Aim of the task: Check every line of the entries that follow, and copy the ones containing "IFCRELAGGREGATES".

Stored data:
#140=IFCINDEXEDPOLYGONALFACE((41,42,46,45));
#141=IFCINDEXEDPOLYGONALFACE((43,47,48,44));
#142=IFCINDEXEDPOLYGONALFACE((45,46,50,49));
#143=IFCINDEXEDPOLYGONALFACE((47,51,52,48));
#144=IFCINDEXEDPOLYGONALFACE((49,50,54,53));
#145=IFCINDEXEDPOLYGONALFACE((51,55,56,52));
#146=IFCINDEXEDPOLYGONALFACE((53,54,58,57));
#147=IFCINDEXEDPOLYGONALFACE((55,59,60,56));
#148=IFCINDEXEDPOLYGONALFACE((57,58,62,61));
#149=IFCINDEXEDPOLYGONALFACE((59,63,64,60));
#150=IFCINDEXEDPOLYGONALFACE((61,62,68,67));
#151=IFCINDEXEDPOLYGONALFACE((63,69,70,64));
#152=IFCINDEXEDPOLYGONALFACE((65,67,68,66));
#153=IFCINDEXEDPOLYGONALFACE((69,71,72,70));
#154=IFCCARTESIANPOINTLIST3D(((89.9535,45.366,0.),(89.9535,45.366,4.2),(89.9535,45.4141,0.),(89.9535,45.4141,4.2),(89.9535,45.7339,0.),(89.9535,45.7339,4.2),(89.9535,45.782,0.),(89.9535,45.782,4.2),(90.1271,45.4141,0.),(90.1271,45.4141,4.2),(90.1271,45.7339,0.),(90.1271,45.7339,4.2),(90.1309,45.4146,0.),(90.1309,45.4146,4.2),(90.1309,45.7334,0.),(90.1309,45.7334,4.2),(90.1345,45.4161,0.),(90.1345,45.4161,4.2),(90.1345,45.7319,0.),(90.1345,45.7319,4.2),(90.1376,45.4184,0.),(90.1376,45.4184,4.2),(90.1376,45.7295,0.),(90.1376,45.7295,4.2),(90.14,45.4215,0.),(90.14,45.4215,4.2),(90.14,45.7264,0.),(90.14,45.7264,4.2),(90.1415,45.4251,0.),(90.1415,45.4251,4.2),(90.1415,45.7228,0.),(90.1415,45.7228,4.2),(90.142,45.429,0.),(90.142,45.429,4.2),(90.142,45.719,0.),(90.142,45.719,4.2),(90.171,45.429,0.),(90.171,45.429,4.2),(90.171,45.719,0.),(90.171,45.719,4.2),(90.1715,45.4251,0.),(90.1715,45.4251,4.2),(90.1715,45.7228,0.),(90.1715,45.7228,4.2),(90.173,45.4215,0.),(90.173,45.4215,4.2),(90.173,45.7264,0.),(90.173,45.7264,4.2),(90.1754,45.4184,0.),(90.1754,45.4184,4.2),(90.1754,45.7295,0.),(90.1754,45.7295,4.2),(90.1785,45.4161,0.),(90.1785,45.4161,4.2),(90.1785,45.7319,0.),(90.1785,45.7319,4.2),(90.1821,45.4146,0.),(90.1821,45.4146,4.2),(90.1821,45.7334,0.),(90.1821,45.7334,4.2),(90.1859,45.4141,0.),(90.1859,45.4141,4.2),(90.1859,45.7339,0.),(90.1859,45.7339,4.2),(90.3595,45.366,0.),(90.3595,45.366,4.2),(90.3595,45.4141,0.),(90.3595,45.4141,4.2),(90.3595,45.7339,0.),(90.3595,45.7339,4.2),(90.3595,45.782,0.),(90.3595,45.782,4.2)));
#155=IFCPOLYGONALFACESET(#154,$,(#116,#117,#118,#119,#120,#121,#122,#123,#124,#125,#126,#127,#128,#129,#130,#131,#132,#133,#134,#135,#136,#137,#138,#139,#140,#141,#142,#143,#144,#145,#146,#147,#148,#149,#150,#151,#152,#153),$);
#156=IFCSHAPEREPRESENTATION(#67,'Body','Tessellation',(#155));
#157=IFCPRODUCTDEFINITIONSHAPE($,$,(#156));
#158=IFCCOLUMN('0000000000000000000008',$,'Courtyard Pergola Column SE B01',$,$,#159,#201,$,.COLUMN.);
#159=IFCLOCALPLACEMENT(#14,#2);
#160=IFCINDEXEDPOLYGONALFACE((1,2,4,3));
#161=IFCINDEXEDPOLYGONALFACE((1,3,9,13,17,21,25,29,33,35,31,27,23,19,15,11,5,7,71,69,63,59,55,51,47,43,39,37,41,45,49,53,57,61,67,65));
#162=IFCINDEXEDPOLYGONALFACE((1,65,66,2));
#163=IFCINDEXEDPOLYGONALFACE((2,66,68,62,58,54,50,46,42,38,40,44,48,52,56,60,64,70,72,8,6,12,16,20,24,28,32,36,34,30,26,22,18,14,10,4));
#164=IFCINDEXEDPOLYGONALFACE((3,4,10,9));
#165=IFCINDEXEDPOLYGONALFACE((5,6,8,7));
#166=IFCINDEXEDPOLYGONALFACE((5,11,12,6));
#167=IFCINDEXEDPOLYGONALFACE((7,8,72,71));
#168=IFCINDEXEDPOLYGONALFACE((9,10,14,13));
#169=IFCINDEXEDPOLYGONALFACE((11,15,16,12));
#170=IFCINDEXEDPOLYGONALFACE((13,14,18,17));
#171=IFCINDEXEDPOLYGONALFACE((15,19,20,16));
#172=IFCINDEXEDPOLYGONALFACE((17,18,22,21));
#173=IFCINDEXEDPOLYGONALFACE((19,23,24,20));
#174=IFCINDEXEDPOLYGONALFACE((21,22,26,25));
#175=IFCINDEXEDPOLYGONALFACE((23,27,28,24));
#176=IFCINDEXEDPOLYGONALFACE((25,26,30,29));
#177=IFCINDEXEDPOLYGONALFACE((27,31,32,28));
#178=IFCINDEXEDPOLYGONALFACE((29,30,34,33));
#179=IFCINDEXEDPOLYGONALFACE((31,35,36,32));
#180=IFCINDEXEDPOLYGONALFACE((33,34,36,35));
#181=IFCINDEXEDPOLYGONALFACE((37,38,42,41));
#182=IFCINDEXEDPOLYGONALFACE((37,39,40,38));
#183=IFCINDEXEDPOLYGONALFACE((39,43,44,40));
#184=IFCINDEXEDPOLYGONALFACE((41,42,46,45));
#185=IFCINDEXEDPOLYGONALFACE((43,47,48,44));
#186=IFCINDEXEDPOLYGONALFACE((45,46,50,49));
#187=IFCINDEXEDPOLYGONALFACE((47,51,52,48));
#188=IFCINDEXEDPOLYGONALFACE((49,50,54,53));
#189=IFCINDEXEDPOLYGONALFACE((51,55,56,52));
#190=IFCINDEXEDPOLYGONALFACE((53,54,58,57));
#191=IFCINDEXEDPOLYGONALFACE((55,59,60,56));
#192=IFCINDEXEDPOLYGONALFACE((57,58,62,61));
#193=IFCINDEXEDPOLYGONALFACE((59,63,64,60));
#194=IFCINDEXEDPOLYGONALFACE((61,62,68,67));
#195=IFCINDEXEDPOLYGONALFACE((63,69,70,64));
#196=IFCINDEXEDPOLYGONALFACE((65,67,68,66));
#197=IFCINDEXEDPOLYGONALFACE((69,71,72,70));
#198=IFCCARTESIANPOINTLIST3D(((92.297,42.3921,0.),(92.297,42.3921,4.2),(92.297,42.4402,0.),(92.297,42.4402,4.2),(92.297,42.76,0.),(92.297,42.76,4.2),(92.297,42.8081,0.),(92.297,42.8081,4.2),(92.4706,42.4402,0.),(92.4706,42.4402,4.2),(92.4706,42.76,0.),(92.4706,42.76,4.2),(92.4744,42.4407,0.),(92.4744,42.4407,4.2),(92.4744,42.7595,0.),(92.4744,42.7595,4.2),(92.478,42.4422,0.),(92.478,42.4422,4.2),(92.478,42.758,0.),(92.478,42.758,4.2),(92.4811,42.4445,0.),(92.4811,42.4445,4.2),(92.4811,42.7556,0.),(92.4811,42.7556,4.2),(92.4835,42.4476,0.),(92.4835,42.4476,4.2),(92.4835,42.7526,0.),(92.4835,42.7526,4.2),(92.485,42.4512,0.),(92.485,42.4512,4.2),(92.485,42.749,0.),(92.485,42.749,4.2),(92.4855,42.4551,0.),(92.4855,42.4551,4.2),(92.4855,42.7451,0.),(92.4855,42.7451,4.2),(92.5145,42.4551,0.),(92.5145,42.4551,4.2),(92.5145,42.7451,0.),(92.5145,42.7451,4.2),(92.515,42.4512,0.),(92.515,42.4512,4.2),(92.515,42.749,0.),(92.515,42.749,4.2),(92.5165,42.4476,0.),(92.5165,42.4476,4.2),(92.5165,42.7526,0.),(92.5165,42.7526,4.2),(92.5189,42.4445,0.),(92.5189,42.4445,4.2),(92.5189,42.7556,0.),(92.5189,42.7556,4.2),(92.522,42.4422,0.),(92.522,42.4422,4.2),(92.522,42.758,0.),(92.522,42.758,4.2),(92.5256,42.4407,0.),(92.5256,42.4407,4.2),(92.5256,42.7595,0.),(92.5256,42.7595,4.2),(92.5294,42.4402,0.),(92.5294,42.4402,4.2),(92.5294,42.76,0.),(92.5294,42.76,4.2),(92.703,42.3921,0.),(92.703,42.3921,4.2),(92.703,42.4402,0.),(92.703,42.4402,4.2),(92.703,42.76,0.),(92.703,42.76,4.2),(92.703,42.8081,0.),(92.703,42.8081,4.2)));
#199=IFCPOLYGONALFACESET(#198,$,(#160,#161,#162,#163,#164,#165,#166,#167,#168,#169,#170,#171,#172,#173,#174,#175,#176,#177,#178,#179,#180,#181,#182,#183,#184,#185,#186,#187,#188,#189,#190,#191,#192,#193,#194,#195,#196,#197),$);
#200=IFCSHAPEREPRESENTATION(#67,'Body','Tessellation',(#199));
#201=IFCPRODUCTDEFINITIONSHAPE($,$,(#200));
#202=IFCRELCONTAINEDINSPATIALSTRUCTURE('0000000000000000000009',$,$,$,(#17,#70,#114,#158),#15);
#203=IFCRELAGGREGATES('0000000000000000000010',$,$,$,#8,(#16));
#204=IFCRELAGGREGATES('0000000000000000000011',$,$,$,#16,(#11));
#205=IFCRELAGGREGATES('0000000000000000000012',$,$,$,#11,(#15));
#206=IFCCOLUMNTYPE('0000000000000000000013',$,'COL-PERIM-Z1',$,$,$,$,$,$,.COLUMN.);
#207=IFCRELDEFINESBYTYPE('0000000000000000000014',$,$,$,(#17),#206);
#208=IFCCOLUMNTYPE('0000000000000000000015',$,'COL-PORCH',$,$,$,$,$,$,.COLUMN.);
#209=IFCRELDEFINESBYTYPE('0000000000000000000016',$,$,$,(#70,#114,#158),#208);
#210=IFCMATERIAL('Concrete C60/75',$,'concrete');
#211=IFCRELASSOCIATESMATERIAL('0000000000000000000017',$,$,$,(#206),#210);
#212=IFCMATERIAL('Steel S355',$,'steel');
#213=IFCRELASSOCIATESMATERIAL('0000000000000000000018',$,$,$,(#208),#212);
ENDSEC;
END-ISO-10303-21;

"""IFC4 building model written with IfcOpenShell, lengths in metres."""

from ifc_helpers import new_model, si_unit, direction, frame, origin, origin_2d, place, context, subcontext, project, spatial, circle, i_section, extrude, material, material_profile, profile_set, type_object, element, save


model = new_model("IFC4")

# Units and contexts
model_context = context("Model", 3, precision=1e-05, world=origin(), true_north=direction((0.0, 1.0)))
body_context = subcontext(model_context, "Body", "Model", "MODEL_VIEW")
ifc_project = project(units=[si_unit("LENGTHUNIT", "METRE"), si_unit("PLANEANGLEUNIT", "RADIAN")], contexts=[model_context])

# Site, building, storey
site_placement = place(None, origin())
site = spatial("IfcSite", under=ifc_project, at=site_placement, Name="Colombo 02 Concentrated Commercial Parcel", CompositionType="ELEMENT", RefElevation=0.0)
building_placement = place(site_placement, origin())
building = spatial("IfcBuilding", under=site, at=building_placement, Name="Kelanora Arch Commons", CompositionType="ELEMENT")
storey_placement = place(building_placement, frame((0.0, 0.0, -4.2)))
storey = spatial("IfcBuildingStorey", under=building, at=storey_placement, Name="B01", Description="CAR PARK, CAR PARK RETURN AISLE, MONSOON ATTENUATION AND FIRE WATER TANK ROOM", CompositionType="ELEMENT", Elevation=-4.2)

Result of this task:
#203=IFCRELAGGREGATES('0000000000000000000010',$,$,$,#8,(#16));
#204=IFCRELAGGREGATES('0000000000000000000011',$,$,$,#16,(#11));
#205=IFCRELAGGREGATES('0000000000000000000012',$,$,$,#11,(#15));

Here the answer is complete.